─── Source material

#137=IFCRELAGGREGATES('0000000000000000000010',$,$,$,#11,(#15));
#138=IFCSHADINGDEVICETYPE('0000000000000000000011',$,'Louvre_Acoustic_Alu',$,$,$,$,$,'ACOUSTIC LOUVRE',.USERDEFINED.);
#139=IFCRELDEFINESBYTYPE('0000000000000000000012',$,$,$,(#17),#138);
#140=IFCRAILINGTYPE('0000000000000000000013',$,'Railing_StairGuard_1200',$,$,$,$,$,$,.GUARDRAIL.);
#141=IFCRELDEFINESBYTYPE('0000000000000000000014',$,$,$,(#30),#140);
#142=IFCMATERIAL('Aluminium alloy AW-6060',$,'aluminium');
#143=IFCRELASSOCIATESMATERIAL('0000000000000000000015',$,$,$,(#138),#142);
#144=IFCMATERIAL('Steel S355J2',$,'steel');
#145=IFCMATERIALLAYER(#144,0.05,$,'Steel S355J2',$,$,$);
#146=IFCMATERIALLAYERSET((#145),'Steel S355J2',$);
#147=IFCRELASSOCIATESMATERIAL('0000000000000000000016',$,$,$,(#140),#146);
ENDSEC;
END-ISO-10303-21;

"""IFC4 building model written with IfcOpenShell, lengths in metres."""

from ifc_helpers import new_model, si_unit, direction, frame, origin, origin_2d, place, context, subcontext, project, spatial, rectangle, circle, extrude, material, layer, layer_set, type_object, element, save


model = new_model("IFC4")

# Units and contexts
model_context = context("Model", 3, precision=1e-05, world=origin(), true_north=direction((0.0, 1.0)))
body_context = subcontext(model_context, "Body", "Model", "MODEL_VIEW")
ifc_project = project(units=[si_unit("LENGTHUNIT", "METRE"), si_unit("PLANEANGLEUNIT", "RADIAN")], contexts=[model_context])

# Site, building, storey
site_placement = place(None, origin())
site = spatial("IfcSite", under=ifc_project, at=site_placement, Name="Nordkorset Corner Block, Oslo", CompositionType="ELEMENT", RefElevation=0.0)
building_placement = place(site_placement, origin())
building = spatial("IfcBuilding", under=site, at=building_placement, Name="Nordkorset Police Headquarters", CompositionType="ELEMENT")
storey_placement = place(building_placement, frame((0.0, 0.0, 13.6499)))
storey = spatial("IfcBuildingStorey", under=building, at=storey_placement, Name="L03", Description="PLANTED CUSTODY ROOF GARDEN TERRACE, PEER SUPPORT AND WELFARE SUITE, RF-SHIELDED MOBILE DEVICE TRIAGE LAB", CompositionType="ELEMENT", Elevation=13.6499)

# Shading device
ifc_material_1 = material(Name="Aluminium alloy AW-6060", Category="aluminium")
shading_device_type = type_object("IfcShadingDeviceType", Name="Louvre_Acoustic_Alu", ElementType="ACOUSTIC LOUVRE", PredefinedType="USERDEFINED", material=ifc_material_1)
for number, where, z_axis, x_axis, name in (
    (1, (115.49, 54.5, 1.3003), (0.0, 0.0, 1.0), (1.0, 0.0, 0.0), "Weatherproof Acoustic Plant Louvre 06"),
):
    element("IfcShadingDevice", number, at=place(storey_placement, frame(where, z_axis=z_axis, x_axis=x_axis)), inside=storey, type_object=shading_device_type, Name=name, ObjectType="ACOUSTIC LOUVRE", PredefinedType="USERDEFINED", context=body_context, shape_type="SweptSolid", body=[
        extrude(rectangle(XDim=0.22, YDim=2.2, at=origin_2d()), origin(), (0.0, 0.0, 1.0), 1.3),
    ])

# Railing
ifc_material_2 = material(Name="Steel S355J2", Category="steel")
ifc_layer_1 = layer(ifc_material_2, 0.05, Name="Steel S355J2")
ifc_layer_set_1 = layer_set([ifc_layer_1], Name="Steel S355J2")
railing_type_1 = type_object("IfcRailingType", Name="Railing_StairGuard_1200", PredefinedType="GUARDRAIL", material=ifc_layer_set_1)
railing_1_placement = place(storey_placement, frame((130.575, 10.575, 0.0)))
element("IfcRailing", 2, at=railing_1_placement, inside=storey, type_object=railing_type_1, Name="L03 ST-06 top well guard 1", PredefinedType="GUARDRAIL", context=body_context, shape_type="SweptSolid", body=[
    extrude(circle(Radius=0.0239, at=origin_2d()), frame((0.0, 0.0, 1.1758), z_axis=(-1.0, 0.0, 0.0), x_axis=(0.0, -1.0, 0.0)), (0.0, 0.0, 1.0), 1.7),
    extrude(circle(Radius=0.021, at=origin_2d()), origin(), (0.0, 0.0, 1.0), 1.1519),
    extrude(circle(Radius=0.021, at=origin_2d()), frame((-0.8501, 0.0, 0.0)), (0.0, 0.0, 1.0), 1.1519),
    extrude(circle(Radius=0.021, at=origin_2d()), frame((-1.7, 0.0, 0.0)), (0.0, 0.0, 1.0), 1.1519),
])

──────

_Task objective_
Print all the data above word for word.

_Result for this task_
#137=IFCRELAGGREGATES('0000000000000000000010',$,$,$,#11,(#15));
#138=IFCSHADINGDEVICETYPE('0000000000000000000011',$,'Louvre_Acoustic_Alu',$,$,$,$,$,'ACOUSTIC LOUVRE',.USERDEFINED.);
#139=IFCRELDEFINESBYTYPE('0000000000000000000012',$,$,$,(#17),#138);
#140=IFCRAILINGTYPE('0000000000000000000013',$,'Railing_StairGuard_1200',$,$,$,$,$,$,.GUARDRAIL.);
#141=IFCRELDEFINESBYTYPE('0000000000000000000014',$,$,$,(#30),#140);
#142=IFCMATERIAL('Aluminium alloy AW-6060',$,'aluminium');
#143=IFCRELASSOCIATESMATERIAL('0000000000000000000015',$,$,$,(#138),#142);
#144=IFCMATERIAL('Steel S355J2',$,'steel');
#145=IFCMATERIALLAYER(#144,0.05,$,'Steel S355J2',$,$,$);
#146=IFCMATERIALLAYERSET((#145),'Steel S355J2',$);
#147=IFCRELASSOCIATESMATERIAL('0000000000000000000016',$,$,$,(#140),#146);
ENDSEC;
END-ISO-10303-21;

"""IFC4 building model written with IfcOpenShell, lengths in metres."""

from ifc_helpers import new_model, si_unit, direction, frame, origin, origin_2d, place, context, subcontext, project, spatial, rectangle, circle, extrude, material, layer, layer_set, type_object, element, save


model = new_model("IFC4")

# Units and contexts
model_context = context("Model", 3, precision=1e-05, world=origin(), true_north=direction((0.0, 1.0)))
body_context = subcontext(model_context, "Body", "Model", "MODEL_VIEW")
ifc_project = project(units=[si_unit("LENGTHUNIT", "METRE"), si_unit("PLANEANGLEUNIT", "RADIAN")], contexts=[model_context])

# Site, building, storey
site_placement = place(None, origin())
site = spatial("IfcSite", under=ifc_project, at=site_placement, Name="Nordkorset Corner Block, Oslo", CompositionType="ELEMENT", RefElevation=0.0)
building_placement = place(site_placement, origin())
building = spatial("IfcBuilding", under=site, at=building_placement, Name="Nordkorset Police Headquarters", CompositionType="ELEMENT")
storey_placement = place(building_placement, frame((0.0, 0.0, 13.6499)))
storey = spatial("IfcBuildingStorey", under=building, at=storey_placement, Name="L03", Description="PLANTED CUSTODY ROOF GARDEN TERRACE, PEER SUPPORT AND WELFARE SUITE, RF-SHIELDED MOBILE DEVICE TRIAGE LAB", CompositionType="ELEMENT", Elevation=13.6499)

# Shading device
ifc_material_1 = material(Name="Aluminium alloy AW-6060", Category="aluminium")
shading_device_type = type_object("IfcShadingDeviceType", Name="Louvre_Acoustic_Alu", ElementType="ACOUSTIC LOUVRE", PredefinedType="USERDEFINED", material=ifc_material_1)
for number, where, z_axis, x_axis, name in (
    (1, (115.49, 54.5, 1.3003), (0.0, 0.0, 1.0), (1.0, 0.0, 0.0), "Weatherproof Acoustic Plant Louvre 06"),
):
    element("IfcShadingDevice", number, at=place(storey_placement, frame(where, z_axis=z_axis, x_axis=x_axis)), inside=storey, type_object=shading_device_type, Name=name, ObjectType="ACOUSTIC LOUVRE", PredefinedType="USERDEFINED", context=body_context, shape_type="SweptSolid", body=[
        extrude(rectangle(XDim=0.22, YDim=2.2, at=origin_2d()), origin(), (0.0, 0.0, 1.0), 1.3),
    ])

# Railing
ifc_material_2 = material(Name="Steel S355J2", Category="steel")
ifc_layer_1 = layer(ifc_material_2, 0.05, Name="Steel S355J2")
ifc_layer_set_1 = layer_set([ifc_layer_1], Name="Steel S355J2")
railing_type_1 = type_object("IfcRailingType", Name="Railing_StairGuard_1200", PredefinedType="GUARDRAIL", material=ifc_layer_set_1)
railing_1_placement = place(storey_placement, frame((130.575, 10.575, 0.0)))
element("IfcRailing", 2, at=railing_1_placement, inside=storey, type_object=railing_type_1, Name="L03 ST-06 top well guard 1", PredefinedType="GUARDRAIL", context=body_context, shape_type="SweptSolid", body=[
    extrude(circle(Radius=0.0239, at=origin_2d()), frame((0.0, 0.0, 1.1758), z_axis=(-1.0, 0.0, 0.0), x_axis=(0.0, -1.0, 0.0)), (0.0, 0.0, 1.0), 1.7),
    extrude(circle(Radius=0.021, at=origin_2d()), origin(), (0.0, 0.0, 1.0), 1.1519),
    extrude(circle(Radius=0.021, at=origin_2d()), frame((-0.8501, 0.0, 0.0)), (0.0, 0.0, 1.0), 1.1519),
    extrude(circle(Radius=0.021, at=origin_2d()), frame((-1.7, 0.0, 0.0)), (0.0, 0.0, 1.0), 1.1519),
])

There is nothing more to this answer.